■ **The problem**
Each line of the data below from the one holding "#176=IFCPRODUCTDEFINITIONSHAPE($,$,(#175));" to the one holding "#184=IFCINDEXEDPOLYGONALFACE((5,7,8,6));", inclusive, is to be reproduced exactly; no other line belongs in the answer.

(Collected data entries)
Content starts

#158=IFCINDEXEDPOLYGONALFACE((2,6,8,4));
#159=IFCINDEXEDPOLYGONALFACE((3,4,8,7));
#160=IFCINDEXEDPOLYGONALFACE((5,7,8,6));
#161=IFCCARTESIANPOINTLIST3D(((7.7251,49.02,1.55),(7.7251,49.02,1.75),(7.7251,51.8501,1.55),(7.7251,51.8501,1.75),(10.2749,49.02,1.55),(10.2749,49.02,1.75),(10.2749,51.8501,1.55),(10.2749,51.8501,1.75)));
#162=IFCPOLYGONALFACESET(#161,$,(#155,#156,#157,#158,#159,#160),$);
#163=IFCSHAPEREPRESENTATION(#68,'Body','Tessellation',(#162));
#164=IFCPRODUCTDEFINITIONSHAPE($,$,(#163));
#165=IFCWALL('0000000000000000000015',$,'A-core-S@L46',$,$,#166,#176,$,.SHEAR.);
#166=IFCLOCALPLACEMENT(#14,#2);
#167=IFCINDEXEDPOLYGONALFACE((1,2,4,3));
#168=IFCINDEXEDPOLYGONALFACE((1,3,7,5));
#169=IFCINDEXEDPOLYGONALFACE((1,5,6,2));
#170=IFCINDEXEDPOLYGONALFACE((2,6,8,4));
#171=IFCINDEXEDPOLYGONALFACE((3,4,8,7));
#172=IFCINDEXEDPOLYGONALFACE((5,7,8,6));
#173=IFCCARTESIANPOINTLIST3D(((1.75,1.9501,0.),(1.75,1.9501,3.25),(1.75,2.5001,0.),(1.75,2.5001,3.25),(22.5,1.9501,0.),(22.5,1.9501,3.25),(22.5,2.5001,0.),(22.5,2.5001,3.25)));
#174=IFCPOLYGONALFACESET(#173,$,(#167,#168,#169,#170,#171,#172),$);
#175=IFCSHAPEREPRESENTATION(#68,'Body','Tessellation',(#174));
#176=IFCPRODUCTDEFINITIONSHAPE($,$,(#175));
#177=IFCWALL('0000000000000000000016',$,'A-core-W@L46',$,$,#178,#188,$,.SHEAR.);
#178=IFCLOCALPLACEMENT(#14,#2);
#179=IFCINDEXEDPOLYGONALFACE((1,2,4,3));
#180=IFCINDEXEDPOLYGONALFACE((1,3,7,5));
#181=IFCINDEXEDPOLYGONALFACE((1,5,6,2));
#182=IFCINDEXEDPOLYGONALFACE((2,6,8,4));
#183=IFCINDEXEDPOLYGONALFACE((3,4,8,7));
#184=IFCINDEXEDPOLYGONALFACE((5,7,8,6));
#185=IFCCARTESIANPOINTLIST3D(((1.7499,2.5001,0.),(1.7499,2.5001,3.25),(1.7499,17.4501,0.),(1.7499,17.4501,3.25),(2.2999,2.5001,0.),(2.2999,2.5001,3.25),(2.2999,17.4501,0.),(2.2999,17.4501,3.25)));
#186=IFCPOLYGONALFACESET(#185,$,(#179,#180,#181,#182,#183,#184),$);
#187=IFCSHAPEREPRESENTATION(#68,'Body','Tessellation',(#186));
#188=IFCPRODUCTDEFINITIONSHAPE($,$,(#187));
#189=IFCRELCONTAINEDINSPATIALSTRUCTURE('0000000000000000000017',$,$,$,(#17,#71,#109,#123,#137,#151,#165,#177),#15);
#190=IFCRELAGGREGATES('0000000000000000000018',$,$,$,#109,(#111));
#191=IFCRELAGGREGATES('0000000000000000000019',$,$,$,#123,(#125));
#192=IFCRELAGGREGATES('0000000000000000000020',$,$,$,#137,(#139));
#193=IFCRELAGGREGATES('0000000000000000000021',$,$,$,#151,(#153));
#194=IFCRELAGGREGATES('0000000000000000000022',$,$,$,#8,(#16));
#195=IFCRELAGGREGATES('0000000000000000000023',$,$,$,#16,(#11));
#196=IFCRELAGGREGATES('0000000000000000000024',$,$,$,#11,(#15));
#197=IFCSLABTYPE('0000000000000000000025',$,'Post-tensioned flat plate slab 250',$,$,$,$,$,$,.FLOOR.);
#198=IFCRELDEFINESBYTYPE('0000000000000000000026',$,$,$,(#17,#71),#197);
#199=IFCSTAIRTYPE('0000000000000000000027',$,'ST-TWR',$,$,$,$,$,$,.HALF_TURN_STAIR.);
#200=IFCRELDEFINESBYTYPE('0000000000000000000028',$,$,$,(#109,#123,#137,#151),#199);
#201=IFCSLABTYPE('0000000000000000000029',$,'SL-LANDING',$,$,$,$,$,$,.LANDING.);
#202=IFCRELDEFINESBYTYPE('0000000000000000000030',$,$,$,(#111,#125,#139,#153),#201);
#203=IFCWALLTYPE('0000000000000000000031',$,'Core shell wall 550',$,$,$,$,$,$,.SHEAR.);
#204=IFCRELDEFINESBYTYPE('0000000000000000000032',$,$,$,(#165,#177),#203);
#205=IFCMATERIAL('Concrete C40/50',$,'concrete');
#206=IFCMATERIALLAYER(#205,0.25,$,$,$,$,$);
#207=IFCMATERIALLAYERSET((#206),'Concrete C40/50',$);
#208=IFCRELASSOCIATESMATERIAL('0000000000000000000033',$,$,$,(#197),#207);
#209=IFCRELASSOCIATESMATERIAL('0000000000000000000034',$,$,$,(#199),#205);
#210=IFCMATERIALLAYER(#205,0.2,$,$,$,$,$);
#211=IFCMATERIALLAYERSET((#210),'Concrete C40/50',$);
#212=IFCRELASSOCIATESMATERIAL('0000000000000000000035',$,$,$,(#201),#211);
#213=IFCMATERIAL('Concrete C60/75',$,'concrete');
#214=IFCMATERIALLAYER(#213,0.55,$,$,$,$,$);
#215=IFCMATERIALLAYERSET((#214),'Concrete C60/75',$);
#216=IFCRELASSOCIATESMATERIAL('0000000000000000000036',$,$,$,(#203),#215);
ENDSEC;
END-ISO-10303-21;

Content ends

■ **Task response**
#176=IFCPRODUCTDEFINITIONSHAPE($,$,(#175));
#177=IFCWALL('0000000000000000000016',$,'A-core-W@L46',$,$,#178,#188,$,.SHEAR.);
#178=IFCLOCALPLACEMENT(#14,#2);
#179=IFCINDEXEDPOLYGONALFACE((1,2,4,3));
#180=IFCINDEXEDPOLYGONALFACE((1,3,7,5));
#181=IFCINDEXEDPOLYGONALFACE((1,5,6,2));
#182=IFCINDEXEDPOLYGONALFACE((2,6,8,4));
#183=IFCINDEXEDPOLYGONALFACE((3,4,8,7));
#184=IFCINDEXEDPOLYGONALFACE((5,7,8,6));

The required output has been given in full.